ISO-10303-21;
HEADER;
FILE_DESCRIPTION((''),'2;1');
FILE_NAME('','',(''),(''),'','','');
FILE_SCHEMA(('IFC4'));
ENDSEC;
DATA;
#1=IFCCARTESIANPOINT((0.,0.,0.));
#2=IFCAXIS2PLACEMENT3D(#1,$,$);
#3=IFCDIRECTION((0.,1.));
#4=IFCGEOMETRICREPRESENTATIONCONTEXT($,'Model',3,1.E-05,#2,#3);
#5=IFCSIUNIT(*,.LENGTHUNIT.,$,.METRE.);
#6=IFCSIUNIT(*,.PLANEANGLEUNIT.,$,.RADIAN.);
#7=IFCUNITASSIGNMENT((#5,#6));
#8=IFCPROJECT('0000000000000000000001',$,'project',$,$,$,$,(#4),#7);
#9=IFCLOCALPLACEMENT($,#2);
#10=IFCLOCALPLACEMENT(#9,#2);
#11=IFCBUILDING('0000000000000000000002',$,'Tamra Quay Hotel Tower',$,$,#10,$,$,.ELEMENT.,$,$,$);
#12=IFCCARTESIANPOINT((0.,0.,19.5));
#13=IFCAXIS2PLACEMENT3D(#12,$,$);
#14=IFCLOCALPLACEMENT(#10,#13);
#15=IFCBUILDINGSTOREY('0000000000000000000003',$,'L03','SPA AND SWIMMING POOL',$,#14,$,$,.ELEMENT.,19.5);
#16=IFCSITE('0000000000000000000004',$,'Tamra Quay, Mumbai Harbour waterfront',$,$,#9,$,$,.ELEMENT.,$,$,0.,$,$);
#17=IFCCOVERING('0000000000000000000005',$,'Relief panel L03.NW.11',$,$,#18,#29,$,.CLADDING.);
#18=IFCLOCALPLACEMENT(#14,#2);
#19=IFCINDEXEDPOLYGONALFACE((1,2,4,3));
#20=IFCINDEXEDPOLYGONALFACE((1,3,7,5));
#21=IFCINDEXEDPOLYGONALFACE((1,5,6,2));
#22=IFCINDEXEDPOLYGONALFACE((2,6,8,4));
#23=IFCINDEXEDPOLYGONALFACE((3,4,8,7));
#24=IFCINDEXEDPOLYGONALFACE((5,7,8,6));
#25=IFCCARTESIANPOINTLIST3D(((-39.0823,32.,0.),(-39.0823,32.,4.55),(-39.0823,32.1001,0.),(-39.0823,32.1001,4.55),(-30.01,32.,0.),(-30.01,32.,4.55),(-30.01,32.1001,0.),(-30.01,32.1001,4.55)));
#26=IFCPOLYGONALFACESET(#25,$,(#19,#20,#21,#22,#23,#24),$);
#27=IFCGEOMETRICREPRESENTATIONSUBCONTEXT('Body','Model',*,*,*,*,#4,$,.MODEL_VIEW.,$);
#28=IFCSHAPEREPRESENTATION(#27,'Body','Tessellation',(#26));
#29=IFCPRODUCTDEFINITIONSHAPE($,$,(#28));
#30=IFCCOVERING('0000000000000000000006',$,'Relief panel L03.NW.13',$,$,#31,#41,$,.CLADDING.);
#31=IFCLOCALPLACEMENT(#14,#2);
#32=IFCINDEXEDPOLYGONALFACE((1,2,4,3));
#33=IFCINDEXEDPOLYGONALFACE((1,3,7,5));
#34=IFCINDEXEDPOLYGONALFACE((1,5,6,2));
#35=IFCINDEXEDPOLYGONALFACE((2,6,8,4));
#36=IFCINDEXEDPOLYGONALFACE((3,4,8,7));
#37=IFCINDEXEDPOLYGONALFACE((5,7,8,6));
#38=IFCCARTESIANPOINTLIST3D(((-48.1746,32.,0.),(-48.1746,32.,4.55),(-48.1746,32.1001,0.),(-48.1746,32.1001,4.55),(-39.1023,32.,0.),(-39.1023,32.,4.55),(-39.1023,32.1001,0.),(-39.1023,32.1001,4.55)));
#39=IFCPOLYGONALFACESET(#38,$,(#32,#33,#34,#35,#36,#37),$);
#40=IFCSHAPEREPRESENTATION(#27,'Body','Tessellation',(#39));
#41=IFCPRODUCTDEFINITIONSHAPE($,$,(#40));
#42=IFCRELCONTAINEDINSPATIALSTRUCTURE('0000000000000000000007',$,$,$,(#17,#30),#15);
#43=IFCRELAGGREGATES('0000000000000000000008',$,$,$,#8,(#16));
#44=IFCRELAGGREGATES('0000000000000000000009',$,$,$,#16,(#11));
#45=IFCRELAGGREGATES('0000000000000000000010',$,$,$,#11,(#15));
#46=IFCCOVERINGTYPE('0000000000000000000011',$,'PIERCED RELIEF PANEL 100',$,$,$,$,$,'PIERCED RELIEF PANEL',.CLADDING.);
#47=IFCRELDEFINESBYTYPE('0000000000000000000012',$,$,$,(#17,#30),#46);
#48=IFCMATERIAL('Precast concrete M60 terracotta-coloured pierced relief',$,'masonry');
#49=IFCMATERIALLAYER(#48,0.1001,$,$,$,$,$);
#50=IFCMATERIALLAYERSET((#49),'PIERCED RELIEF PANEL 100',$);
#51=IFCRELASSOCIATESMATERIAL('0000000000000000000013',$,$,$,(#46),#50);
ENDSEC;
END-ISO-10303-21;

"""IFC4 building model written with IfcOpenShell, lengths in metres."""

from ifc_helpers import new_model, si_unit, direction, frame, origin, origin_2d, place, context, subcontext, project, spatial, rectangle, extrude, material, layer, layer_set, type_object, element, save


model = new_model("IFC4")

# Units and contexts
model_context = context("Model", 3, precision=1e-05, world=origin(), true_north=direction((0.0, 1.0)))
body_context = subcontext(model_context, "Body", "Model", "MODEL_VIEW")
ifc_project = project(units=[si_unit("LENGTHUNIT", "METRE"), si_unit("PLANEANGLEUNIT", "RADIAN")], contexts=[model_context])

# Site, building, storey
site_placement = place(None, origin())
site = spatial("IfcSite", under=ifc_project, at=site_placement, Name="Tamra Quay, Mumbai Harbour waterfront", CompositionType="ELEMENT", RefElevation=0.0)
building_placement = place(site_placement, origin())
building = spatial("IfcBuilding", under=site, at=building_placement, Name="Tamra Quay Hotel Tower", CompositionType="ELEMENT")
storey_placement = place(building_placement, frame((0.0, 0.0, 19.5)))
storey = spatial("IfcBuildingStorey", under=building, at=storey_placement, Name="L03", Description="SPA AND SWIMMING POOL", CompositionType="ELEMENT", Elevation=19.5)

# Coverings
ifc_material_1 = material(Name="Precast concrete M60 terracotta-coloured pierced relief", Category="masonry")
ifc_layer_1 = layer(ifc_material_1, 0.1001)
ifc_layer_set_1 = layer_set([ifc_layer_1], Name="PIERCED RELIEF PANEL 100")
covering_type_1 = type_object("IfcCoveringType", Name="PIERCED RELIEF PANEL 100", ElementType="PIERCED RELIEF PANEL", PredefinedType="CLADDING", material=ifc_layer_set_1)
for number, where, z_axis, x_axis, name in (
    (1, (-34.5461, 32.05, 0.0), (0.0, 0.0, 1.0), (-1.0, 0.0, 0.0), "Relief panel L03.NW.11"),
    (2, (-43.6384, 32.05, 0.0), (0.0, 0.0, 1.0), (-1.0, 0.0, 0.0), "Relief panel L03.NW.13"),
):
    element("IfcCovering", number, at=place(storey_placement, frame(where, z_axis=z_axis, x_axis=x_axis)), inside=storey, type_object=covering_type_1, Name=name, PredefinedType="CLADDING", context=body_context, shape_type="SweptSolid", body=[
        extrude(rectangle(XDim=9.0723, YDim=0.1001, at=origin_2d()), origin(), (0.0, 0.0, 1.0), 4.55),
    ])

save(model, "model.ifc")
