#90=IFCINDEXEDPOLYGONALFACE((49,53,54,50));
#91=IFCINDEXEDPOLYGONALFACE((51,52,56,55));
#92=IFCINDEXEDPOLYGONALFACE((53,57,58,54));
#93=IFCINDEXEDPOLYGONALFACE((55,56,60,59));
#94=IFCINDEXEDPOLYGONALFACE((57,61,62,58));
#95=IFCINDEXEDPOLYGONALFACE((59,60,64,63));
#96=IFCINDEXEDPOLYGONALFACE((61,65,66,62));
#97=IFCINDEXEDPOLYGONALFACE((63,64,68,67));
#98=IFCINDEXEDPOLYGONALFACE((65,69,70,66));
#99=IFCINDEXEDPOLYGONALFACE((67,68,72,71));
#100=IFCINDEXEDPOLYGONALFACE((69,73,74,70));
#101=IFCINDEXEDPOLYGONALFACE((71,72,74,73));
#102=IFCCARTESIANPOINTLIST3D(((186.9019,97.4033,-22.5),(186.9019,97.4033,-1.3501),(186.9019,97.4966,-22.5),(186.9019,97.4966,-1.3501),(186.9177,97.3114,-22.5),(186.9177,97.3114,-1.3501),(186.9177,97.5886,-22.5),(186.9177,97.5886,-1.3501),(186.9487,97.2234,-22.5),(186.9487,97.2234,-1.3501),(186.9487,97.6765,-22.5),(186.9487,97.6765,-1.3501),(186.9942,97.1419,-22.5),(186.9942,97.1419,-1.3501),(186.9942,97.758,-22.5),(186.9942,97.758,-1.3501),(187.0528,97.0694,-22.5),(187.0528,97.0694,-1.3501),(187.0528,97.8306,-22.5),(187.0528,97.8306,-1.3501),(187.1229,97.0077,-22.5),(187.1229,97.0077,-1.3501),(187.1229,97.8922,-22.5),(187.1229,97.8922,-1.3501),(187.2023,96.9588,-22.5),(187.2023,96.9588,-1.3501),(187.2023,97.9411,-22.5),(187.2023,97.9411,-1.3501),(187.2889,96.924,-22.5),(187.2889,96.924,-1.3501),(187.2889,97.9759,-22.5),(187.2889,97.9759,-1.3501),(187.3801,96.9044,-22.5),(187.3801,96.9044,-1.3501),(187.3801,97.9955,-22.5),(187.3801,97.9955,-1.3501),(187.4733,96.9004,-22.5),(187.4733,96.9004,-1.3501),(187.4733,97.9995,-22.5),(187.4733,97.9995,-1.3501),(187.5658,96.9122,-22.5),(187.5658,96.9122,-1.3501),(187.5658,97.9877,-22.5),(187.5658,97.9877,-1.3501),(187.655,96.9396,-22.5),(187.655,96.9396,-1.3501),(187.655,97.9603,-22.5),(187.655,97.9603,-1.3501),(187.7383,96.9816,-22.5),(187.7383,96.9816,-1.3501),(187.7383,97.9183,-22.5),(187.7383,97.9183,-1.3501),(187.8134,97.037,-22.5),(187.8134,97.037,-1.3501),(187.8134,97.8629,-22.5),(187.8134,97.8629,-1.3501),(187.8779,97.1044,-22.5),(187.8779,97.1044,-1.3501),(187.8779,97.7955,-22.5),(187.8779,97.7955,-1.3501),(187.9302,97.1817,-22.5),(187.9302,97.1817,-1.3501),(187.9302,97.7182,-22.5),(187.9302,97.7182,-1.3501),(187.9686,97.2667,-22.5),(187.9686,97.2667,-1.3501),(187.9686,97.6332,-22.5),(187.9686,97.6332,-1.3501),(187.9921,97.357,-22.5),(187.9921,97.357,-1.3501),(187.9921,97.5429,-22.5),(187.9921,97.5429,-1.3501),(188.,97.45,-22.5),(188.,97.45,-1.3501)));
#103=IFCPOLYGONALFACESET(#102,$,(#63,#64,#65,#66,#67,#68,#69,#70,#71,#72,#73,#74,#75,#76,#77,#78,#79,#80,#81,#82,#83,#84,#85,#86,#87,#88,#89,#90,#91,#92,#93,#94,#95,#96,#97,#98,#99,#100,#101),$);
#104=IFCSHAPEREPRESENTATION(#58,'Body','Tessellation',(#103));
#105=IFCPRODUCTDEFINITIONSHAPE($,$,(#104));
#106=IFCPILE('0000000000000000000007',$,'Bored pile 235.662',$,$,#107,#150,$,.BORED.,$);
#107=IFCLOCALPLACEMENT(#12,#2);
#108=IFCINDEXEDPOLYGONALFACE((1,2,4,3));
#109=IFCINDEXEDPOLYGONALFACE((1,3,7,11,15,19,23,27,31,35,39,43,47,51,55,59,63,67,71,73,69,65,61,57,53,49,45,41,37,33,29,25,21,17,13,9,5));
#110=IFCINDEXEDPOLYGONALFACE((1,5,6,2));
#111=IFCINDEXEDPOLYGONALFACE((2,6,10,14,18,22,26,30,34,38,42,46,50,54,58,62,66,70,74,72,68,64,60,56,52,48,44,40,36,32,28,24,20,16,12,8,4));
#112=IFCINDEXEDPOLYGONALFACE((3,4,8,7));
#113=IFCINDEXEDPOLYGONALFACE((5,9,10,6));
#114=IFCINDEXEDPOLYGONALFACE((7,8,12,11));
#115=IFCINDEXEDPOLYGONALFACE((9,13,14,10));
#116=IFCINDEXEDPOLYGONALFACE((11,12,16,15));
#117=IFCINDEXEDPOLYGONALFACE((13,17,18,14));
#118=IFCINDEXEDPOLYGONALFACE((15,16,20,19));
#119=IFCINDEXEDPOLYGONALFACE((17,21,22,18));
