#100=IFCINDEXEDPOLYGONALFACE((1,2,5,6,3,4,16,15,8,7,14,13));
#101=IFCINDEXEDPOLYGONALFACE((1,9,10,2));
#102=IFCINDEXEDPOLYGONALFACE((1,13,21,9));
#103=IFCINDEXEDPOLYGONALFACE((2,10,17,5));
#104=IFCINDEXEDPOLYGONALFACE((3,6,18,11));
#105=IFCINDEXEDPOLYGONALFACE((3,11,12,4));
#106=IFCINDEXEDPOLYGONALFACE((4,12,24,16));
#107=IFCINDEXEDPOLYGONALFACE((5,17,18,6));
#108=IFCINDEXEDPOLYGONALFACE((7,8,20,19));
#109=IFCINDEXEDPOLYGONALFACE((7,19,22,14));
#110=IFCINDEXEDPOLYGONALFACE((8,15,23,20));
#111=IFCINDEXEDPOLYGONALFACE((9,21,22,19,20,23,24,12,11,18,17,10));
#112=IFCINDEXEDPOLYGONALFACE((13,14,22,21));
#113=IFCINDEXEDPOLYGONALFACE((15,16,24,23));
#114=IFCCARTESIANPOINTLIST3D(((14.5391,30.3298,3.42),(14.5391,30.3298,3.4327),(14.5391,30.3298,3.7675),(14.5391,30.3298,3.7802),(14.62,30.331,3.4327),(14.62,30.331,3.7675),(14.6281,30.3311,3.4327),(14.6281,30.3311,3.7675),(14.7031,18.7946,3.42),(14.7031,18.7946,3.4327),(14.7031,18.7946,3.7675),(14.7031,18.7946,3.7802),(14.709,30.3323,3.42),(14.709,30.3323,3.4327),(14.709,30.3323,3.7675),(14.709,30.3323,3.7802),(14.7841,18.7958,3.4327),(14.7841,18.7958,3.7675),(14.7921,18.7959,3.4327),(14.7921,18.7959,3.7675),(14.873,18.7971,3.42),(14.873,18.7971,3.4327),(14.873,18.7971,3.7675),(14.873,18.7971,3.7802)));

## WORK REQUEST
Beginning at the opening line of the data, transcribe each line exactly until you reach the line with "AND SWIMMING POOL',$,#14,$,$,.ELEMENT.,19.5);", which you also include, and go no further.

## ANSWER TO THIS PROBLEM
ISO-10303-21;
HEADER;
FILE_DESCRIPTION((''),'2;1');
FILE_NAME('','',(''),(''),'','','');
FILE_SCHEMA(('IFC4'));
ENDSEC;
DATA;
#1=IFCCARTESIANPOINT((0.,0.,0.));
#2=IFCAXIS2PLACEMENT3D(#1,$,$);
#3=IFCDIRECTION((0.,1.));
#4=IFCGEOMETRICREPRESENTATIONCONTEXT($,'Model',3,1.E-05,#2,#3);
#5=IFCSIUNIT(*,.LENGTHUNIT.,$,.METRE.);
#6=IFCSIUNIT(*,.PLANEANGLEUNIT.,$,.RADIAN.);
#7=IFCUNITASSIGNMENT((#5,#6));
#8=IFCPROJECT('0000000000000000000001',$,'project',$,$,$,$,(#4),#7);
#9=IFCLOCALPLACEMENT($,#2);
#10=IFCLOCALPLACEMENT(#9,#2);
#11=IFCBUILDING('0000000000000000000002',$,'Tamra Quay Hotel Tower',$,$,#10,$,$,.ELEMENT.,$,$,$);
#12=IFCCARTESIANPOINT((0.,0.,19.5));
#13=IFCAXIS2PLACEMENT3D(#12,$,$);
#14=IFCLOCALPLACEMENT(#10,#13);
#15=IFCBUILDINGSTOREY('0000000000000000000003',$,'L03','SPA AND SWIMMING POOL',$,#14,$,$,.ELEMENT.,19.5);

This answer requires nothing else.